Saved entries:
============

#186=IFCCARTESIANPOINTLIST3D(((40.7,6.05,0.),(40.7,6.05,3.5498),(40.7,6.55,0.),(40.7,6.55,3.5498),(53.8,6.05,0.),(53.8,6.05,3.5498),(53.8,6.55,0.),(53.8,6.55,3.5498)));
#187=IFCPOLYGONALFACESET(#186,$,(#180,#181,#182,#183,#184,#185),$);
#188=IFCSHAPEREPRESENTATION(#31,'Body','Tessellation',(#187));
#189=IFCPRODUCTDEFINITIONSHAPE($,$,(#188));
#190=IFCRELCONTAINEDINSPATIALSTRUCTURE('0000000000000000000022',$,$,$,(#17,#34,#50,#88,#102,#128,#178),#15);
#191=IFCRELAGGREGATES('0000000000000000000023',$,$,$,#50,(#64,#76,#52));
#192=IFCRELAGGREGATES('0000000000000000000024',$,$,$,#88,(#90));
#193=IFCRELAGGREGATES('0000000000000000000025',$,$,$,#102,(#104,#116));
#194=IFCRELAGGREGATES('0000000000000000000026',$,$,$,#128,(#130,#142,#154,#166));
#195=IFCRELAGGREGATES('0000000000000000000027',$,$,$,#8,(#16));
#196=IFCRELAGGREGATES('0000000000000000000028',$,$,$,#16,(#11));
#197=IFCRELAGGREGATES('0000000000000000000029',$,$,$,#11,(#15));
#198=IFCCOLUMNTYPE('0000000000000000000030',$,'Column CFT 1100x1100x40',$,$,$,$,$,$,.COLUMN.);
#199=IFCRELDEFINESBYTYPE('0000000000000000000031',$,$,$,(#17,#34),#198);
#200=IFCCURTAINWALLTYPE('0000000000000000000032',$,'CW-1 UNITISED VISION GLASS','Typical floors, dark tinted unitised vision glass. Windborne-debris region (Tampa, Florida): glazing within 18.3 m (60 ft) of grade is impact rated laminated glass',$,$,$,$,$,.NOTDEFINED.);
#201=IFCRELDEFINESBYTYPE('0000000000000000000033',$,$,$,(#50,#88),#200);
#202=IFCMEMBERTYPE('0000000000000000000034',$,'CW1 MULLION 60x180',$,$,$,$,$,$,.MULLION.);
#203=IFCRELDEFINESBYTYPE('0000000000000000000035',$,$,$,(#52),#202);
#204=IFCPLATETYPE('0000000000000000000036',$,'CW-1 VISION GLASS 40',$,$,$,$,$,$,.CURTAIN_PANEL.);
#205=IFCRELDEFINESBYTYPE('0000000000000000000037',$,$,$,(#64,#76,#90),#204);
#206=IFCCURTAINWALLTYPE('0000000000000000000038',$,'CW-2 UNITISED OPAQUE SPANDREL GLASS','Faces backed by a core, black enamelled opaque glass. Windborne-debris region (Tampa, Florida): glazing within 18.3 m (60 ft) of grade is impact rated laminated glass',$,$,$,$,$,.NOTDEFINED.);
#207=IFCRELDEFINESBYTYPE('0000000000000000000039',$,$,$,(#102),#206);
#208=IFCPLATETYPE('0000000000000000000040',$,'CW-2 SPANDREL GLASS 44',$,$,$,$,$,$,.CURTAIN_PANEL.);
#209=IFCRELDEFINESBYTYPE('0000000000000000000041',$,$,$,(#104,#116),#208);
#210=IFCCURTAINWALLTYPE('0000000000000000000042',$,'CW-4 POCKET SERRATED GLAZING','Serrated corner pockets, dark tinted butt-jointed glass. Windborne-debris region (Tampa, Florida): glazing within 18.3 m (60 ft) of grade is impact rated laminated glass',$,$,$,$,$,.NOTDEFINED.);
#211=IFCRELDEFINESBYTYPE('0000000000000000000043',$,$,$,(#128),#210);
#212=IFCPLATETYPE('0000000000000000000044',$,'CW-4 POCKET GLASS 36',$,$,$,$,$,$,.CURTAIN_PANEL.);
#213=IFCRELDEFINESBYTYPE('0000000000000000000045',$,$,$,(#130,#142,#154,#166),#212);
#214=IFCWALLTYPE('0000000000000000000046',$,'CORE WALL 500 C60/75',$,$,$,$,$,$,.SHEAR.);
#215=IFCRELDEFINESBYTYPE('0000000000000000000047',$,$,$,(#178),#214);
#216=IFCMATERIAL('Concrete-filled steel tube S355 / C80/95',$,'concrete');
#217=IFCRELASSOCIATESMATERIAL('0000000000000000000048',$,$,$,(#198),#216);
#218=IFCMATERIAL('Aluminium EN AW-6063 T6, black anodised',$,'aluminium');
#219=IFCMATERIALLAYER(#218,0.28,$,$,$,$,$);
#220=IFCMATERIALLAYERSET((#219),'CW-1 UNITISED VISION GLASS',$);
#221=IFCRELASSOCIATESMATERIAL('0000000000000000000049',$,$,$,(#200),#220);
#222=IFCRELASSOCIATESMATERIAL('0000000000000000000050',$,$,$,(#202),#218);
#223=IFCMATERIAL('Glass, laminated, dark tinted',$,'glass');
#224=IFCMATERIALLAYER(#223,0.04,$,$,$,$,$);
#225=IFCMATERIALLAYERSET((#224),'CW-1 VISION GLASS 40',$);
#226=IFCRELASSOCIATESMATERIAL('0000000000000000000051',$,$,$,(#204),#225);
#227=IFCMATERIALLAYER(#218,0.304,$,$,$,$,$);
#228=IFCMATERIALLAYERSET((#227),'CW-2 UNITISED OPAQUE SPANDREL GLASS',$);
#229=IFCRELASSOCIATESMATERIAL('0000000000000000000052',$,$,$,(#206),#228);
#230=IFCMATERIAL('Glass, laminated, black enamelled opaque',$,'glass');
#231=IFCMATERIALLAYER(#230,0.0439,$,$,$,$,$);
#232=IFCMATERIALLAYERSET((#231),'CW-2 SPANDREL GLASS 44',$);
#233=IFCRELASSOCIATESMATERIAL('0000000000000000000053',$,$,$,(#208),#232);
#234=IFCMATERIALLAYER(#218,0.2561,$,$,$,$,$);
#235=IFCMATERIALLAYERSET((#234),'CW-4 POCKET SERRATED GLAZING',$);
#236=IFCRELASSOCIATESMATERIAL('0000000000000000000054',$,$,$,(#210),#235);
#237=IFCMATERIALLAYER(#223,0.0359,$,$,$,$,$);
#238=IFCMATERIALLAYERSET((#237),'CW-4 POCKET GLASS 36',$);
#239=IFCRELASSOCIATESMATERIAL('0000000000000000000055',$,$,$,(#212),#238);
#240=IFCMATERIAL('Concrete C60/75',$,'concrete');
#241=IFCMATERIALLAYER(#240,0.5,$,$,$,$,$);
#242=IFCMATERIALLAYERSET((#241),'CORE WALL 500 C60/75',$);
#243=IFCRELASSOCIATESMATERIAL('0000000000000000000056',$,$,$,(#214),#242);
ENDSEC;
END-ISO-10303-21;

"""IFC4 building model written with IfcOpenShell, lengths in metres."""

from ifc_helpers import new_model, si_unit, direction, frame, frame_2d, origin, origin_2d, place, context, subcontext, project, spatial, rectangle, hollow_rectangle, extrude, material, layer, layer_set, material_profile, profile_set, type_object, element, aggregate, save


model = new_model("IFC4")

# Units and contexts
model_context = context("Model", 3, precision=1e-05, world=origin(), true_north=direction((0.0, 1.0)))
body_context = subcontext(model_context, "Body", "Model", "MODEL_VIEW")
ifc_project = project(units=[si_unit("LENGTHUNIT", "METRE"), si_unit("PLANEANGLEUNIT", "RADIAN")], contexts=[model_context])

============

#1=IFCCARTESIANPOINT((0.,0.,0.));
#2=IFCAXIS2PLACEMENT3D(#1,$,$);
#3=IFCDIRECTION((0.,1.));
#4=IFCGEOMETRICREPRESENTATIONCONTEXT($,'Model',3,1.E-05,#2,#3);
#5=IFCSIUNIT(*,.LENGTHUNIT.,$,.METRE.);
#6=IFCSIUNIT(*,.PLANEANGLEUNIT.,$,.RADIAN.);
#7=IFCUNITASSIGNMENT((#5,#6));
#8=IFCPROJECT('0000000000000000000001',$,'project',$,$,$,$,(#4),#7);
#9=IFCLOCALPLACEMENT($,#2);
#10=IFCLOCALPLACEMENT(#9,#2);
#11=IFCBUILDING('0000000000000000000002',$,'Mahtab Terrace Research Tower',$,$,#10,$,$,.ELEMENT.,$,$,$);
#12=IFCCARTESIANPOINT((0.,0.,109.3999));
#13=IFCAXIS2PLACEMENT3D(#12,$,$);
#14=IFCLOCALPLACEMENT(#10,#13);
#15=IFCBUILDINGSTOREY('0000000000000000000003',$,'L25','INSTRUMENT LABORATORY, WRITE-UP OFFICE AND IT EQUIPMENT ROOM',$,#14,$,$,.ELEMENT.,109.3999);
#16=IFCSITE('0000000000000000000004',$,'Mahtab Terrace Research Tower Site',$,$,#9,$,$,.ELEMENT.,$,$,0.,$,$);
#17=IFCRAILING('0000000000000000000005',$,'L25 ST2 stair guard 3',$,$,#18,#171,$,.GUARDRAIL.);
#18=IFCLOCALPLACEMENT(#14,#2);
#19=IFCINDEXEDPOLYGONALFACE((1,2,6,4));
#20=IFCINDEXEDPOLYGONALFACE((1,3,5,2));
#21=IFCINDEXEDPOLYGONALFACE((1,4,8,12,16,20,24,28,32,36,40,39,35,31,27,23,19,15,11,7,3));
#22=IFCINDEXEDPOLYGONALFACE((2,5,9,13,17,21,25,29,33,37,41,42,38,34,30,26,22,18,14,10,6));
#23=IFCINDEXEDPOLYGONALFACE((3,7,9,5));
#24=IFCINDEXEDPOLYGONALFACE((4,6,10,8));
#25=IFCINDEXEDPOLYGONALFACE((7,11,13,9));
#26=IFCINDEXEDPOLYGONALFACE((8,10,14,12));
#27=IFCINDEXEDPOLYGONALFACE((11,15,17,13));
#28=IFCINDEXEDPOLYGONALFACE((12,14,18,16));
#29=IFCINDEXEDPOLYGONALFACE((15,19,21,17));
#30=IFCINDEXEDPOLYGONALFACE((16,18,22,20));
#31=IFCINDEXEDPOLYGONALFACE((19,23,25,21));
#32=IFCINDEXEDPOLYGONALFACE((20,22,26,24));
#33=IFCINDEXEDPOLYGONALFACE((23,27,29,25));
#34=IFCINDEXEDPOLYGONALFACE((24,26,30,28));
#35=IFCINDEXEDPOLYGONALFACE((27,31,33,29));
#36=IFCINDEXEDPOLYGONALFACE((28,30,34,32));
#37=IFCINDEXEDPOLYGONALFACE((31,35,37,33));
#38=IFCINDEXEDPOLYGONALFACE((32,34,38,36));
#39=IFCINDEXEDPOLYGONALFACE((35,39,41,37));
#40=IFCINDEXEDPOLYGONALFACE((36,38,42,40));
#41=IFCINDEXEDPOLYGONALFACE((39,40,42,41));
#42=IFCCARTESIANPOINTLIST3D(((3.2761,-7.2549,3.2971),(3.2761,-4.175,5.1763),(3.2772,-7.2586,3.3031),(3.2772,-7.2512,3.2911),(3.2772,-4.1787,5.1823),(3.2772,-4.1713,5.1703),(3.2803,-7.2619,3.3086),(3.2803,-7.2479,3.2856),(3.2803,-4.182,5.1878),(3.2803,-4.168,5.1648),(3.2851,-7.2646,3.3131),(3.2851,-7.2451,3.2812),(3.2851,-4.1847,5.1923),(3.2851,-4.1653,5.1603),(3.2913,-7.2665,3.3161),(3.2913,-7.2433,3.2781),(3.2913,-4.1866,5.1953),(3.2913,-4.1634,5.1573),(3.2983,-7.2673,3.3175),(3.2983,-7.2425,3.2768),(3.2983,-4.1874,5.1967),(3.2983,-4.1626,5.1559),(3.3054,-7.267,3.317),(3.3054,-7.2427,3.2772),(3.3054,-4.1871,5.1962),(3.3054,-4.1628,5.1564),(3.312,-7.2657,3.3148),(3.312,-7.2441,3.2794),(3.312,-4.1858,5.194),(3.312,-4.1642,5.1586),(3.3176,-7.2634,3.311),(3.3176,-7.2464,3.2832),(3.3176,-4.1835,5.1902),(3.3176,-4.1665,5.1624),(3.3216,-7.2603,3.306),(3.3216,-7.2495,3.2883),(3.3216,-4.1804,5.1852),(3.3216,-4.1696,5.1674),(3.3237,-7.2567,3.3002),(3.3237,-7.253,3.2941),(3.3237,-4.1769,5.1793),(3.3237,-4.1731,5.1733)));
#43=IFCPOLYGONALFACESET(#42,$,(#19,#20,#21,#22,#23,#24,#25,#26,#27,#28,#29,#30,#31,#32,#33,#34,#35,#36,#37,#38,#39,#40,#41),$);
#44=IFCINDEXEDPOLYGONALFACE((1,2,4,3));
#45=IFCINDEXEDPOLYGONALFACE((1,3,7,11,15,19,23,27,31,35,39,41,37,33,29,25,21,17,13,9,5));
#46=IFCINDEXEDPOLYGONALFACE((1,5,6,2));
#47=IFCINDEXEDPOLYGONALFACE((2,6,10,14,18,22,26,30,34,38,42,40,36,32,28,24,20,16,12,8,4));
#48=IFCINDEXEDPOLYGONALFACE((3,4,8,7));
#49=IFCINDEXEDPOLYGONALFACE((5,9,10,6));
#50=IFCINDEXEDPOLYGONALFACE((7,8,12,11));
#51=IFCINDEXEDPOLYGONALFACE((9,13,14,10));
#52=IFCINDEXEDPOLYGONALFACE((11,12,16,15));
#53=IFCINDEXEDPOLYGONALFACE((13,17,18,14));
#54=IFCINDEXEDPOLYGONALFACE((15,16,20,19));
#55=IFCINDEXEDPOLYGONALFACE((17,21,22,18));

============

Each line holding "concrete" in the records should be copied out.

#216=IFCMATERIAL('Concrete-filled steel tube S355 / C80/95',$,'concrete');
#240=IFCMATERIAL('Concrete C60/75',$,'concrete');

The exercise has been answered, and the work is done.